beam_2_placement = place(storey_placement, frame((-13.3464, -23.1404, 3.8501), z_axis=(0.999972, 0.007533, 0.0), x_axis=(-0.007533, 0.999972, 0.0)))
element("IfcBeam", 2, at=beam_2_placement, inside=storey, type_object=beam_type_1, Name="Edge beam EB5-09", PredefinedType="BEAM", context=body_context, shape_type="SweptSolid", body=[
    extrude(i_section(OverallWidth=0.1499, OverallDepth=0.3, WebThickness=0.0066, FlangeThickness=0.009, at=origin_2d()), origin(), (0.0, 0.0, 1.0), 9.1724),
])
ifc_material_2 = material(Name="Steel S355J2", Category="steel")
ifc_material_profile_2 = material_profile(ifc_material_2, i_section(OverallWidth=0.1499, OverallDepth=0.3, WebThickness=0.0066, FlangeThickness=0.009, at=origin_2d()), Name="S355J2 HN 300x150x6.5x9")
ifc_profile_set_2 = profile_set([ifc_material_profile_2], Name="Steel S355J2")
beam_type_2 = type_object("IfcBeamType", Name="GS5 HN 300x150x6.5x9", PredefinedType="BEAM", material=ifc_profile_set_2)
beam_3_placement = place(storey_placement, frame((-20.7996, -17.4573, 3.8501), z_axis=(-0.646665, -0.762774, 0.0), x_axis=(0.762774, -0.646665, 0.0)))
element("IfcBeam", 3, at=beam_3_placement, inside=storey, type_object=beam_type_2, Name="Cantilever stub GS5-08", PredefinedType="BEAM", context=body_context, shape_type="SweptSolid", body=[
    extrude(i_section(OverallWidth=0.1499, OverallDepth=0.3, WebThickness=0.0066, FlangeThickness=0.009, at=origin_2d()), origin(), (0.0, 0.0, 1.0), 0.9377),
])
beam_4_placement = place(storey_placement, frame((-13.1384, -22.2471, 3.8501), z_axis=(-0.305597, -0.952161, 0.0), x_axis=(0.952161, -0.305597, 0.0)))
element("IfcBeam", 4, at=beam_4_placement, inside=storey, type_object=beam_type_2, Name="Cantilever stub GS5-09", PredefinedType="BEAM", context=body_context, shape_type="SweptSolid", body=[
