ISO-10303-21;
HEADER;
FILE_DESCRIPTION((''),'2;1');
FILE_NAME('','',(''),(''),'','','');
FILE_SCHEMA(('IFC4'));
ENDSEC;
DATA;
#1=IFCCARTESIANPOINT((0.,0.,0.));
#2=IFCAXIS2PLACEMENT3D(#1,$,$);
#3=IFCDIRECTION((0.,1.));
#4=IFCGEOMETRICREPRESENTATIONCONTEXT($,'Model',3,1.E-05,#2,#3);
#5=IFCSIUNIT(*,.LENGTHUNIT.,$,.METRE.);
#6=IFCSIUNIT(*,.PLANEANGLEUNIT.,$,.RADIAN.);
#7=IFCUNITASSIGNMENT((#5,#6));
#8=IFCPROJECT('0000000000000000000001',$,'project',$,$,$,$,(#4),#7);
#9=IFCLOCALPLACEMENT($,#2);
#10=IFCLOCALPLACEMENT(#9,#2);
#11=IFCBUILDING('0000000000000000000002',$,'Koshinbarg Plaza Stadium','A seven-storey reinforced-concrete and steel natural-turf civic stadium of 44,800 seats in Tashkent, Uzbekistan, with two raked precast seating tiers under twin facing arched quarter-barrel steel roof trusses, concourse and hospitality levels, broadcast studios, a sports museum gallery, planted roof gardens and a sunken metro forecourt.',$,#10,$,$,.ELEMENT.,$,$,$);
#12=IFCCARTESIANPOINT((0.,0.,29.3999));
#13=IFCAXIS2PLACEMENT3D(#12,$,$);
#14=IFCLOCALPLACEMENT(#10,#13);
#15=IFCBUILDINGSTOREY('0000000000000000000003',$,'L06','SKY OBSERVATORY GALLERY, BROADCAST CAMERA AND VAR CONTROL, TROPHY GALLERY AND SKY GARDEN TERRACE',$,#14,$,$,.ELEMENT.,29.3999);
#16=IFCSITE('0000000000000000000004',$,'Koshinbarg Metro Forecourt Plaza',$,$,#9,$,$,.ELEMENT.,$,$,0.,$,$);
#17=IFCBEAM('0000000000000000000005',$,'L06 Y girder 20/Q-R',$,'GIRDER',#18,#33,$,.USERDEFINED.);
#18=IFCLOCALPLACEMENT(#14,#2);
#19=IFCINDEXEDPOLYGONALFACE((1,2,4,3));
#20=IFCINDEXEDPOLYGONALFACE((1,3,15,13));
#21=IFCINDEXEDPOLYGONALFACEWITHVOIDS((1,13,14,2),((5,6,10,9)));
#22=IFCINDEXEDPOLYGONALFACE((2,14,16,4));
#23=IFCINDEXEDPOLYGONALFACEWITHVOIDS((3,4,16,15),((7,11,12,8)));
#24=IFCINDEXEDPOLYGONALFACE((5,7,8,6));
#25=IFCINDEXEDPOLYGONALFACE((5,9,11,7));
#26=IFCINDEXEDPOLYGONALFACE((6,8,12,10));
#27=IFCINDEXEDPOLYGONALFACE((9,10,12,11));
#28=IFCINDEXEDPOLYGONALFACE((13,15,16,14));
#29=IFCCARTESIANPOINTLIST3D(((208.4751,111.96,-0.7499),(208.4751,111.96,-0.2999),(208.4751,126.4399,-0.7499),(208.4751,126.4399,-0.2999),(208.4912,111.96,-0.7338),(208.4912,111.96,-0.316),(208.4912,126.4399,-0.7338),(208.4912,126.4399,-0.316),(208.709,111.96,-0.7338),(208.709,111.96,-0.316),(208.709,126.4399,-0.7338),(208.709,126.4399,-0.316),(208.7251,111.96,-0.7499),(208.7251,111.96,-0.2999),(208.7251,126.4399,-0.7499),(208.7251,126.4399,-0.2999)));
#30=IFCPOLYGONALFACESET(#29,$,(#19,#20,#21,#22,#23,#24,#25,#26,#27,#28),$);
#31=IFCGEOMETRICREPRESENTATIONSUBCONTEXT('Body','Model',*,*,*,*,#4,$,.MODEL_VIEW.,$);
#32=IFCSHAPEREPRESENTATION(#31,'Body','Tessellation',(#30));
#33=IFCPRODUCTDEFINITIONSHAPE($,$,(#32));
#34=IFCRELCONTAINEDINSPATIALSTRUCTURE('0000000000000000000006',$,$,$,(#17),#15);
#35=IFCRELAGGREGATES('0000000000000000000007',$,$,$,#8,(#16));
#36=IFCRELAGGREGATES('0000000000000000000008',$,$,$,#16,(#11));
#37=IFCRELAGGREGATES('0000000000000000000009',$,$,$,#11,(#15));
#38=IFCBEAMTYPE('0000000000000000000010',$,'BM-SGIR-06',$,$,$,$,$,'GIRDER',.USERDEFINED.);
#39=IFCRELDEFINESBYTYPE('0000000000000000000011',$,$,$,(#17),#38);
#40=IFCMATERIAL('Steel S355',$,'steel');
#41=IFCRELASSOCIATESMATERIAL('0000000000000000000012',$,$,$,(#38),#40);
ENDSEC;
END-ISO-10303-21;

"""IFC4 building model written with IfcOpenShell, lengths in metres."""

from ifc_helpers import new_model, si_unit, direction, frame, origin, origin_2d, place, context, subcontext, project, spatial, hollow_rectangle, extrude, material, material_profile, profile_set, type_object, element, save


model = new_model("IFC4")

# Units and contexts
model_context = context("Model", 3, precision=1e-05, world=origin(), true_north=direction((0.0, 1.0)))
body_context = subcontext(model_context, "Body", "Model", "MODEL_VIEW")
ifc_project = project(units=[si_unit("LENGTHUNIT", "METRE"), si_unit("PLANEANGLEUNIT", "RADIAN")], contexts=[model_context])

# Site, building, storey
site_placement = place(None, origin())
site = spatial("IfcSite", under=ifc_project, at=site_placement, Name="Koshinbarg Metro Forecourt Plaza", CompositionType="ELEMENT", RefElevation=0.0)
building_placement = place(site_placement, origin())
building = spatial("IfcBuilding", under=site, at=building_placement, Name="Koshinbarg Plaza Stadium", Description="A seven-storey reinforced-concrete and steel natural-turf civic stadium of 44,800 seats in Tashkent, Uzbekistan, with two raked precast seating tiers under twin facing arched quarter-barrel steel roof trusses, concourse and hospitality levels, broadcast studios, a sports museum gallery, planted roof gardens and a sunken metro forecourt.", CompositionType="ELEMENT")
storey_placement = place(building_placement, frame((0.0, 0.0, 29.3999)))
storey = spatial("IfcBuildingStorey", under=building, at=storey_placement, Name="L06", Description="SKY OBSERVATORY GALLERY, BROADCAST CAMERA AND VAR CONTROL, TROPHY GALLERY AND SKY GARDEN TERRACE", CompositionType="ELEMENT", Elevation=29.3999)

# Beam
ifc_material = material(Name="Steel S355", Category="steel")
ifc_material_profile_1 = material_profile(ifc_material, hollow_rectangle(XDim=0.25, YDim=0.45, WallThickness=0.0161, at=origin_2d()), Name="RHS 450x250x16")
ifc_profile_set_1 = profile_set([ifc_material_profile_1], Name="Steel S355")
beam_type_1 = type_object("IfcBeamType", Name="BM-SGIR-06", ElementType="GIRDER", PredefinedType="USERDEFINED", material=ifc_profile_set_1)
beam_1_placement = place(storey_placement, frame((208.6001, 111.96, -0.5249), z_axis=(0.0, 1.0, 0.0), x_axis=(-1.0, 0.0, 0.0)))
element("IfcBeam", 1, at=beam_1_placement, inside=storey, type_object=beam_type_1, Name="L06 Y girder 20/Q-R", ObjectType="GIRDER", PredefinedType="USERDEFINED", context=body_context, shape_type="SweptSolid", body=[
    extrude(hollow_rectangle(XDim=0.25, YDim=0.45, WallThickness=0.0161, at=origin_2d()), origin(), (0.0, 0.0, 1.0), 14.48),
])

save(model, "model.ifc")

************

GOAL OF THE EXERCISE – Of the lines above, extract only those from the line with "#23=IFCINDEXEDPOLYGONALFACEWITHVOIDS((3,4,16,15),((7,11,12,8)));" to the line with "#28=IFCINDEXEDPOLYGONALFACE((13,15,16,14));", both included, exactly as written.

REPLY –
#23=IFCINDEXEDPOLYGONALFACEWITHVOIDS((3,4,16,15),((7,11,12,8)));
#24=IFCINDEXEDPOLYGONALFACE((5,7,8,6));
#25=IFCINDEXEDPOLYGONALFACE((5,9,11,7));
#26=IFCINDEXEDPOLYGONALFACE((6,8,12,10));
#27=IFCINDEXEDPOLYGONALFACE((9,10,12,11));
#28=IFCINDEXEDPOLYGONALFACE((13,15,16,14));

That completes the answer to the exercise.